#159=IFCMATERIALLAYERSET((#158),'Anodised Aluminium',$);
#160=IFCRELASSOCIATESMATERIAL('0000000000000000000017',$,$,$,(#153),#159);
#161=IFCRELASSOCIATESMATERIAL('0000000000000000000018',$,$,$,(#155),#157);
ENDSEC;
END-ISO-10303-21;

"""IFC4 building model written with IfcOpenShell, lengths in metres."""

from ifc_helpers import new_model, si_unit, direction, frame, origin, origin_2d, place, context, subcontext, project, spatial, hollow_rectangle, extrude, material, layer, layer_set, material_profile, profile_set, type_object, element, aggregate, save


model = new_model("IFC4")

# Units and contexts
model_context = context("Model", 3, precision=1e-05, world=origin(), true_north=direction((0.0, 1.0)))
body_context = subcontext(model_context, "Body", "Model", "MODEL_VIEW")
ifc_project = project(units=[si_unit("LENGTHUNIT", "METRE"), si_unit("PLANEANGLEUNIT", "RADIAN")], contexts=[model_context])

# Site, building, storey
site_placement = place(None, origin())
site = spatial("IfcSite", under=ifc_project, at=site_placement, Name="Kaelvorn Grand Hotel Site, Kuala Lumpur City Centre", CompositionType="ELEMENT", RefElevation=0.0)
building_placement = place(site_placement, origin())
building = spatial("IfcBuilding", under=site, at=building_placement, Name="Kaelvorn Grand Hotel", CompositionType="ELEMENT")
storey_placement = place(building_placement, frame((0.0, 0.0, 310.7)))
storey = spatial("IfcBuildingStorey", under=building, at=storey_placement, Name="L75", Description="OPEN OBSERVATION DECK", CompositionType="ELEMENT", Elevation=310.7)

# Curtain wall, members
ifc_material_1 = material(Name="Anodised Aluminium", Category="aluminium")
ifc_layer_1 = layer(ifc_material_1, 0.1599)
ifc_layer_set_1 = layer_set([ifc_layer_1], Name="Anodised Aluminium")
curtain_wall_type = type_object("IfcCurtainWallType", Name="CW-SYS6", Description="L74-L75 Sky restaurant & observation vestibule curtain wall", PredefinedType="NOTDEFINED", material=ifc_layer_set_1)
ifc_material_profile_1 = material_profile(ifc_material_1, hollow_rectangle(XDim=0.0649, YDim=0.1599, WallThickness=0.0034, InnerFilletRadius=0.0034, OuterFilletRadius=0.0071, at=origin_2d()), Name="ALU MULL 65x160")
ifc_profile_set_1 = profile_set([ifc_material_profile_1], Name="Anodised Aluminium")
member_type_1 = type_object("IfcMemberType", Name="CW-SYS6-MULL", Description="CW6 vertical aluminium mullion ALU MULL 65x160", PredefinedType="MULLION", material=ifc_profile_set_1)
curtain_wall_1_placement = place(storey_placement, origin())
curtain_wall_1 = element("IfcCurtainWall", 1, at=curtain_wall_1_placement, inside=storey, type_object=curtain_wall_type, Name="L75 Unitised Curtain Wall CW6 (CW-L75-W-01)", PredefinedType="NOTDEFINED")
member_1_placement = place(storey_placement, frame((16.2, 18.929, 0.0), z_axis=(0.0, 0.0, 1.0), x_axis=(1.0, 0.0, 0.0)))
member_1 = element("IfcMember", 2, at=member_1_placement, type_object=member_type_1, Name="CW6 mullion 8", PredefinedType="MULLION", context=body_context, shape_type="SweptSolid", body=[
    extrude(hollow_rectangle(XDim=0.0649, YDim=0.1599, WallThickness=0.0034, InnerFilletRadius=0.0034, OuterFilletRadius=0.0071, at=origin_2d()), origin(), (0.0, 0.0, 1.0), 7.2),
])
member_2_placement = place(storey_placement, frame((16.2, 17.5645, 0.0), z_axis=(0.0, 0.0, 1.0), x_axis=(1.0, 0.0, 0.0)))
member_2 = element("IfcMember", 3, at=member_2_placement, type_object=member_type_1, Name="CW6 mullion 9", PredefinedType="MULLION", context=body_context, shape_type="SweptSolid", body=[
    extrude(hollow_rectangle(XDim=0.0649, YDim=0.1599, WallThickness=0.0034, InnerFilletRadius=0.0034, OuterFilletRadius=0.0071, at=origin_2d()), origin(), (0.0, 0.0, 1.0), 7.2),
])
****
__EXERCISE__: Every entry should be reproduced word for word.

__RESPONSE AREA__:
#159=IFCMATERIALLAYERSET((#158),'Anodised Aluminium',$);
#160=IFCRELASSOCIATESMATERIAL('0000000000000000000017',$,$,$,(#153),#159);
#161=IFCRELASSOCIATESMATERIAL('0000000000000000000018',$,$,$,(#155),#157);
ENDSEC;
END-ISO-10303-21;

"""IFC4 building model written with IfcOpenShell, lengths in metres."""

from ifc_helpers import new_model, si_unit, direction, frame, origin, origin_2d, place, context, subcontext, project, spatial, hollow_rectangle, extrude, material, layer, layer_set, material_profile, profile_set, type_object, element, aggregate, save


model = new_model("IFC4")

# Units and contexts
model_context = context("Model", 3, precision=1e-05, world=origin(), true_north=direction((0.0, 1.0)))
body_context = subcontext(model_context, "Body", "Model", "MODEL_VIEW")
ifc_project = project(units=[si_unit("LENGTHUNIT", "METRE"), si_unit("PLANEANGLEUNIT", "RADIAN")], contexts=[model_context])

# Site, building, storey
site_placement = place(None, origin())
site = spatial("IfcSite", under=ifc_project, at=site_placement, Name="Kaelvorn Grand Hotel Site, Kuala Lumpur City Centre", CompositionType="ELEMENT", RefElevation=0.0)
building_placement = place(site_placement, origin())
building = spatial("IfcBuilding", under=site, at=building_placement, Name="Kaelvorn Grand Hotel", CompositionType="ELEMENT")
storey_placement = place(building_placement, frame((0.0, 0.0, 310.7)))
storey = spatial("IfcBuildingStorey", under=building, at=storey_placement, Name="L75", Description="OPEN OBSERVATION DECK", CompositionType="ELEMENT", Elevation=310.7)

# Curtain wall, members
ifc_material_1 = material(Name="Anodised Aluminium", Category="aluminium")
ifc_layer_1 = layer(ifc_material_1, 0.1599)
ifc_layer_set_1 = layer_set([ifc_layer_1], Name="Anodised Aluminium")
curtain_wall_type = type_object("IfcCurtainWallType", Name="CW-SYS6", Description="L74-L75 Sky restaurant & observation vestibule curtain wall", PredefinedType="NOTDEFINED", material=ifc_layer_set_1)
ifc_material_profile_1 = material_profile(ifc_material_1, hollow_rectangle(XDim=0.0649, YDim=0.1599, WallThickness=0.0034, InnerFilletRadius=0.0034, OuterFilletRadius=0.0071, at=origin_2d()), Name="ALU MULL 65x160")
ifc_profile_set_1 = profile_set([ifc_material_profile_1], Name="Anodised Aluminium")
member_type_1 = type_object("IfcMemberType", Name="CW-SYS6-MULL", Description="CW6 vertical aluminium mullion ALU MULL 65x160", PredefinedType="MULLION", material=ifc_profile_set_1)
curtain_wall_1_placement = place(storey_placement, origin())
curtain_wall_1 = element("IfcCurtainWall", 1, at=curtain_wall_1_placement, inside=storey, type_object=curtain_wall_type, Name="L75 Unitised Curtain Wall CW6 (CW-L75-W-01)", PredefinedType="NOTDEFINED")
member_1_placement = place(storey_placement, frame((16.2, 18.929, 0.0), z_axis=(0.0, 0.0, 1.0), x_axis=(1.0, 0.0, 0.0)))
member_1 = element("IfcMember", 2, at=member_1_placement, type_object=member_type_1, Name="CW6 mullion 8", PredefinedType="MULLION", context=body_context, shape_type="SweptSolid", body=[
    extrude(hollow_rectangle(XDim=0.0649, YDim=0.1599, WallThickness=0.0034, InnerFilletRadius=0.0034, OuterFilletRadius=0.0071, at=origin_2d()), origin(), (0.0, 0.0, 1.0), 7.2),
])
member_2_placement = place(storey_placement, frame((16.2, 17.5645, 0.0), z_axis=(0.0, 0.0, 1.0), x_axis=(1.0, 0.0, 0.0)))
member_2 = element("IfcMember", 3, at=member_2_placement, type_object=member_type_1, Name="CW6 mullion 9", PredefinedType="MULLION", context=body_context, shape_type="SweptSolid", body=[
    extrude(hollow_rectangle(XDim=0.0649, YDim=0.1599, WallThickness=0.0034, InnerFilletRadius=0.0034, OuterFilletRadius=0.0071, at=origin_2d()), origin(), (0.0, 0.0, 1.0), 7.2),
])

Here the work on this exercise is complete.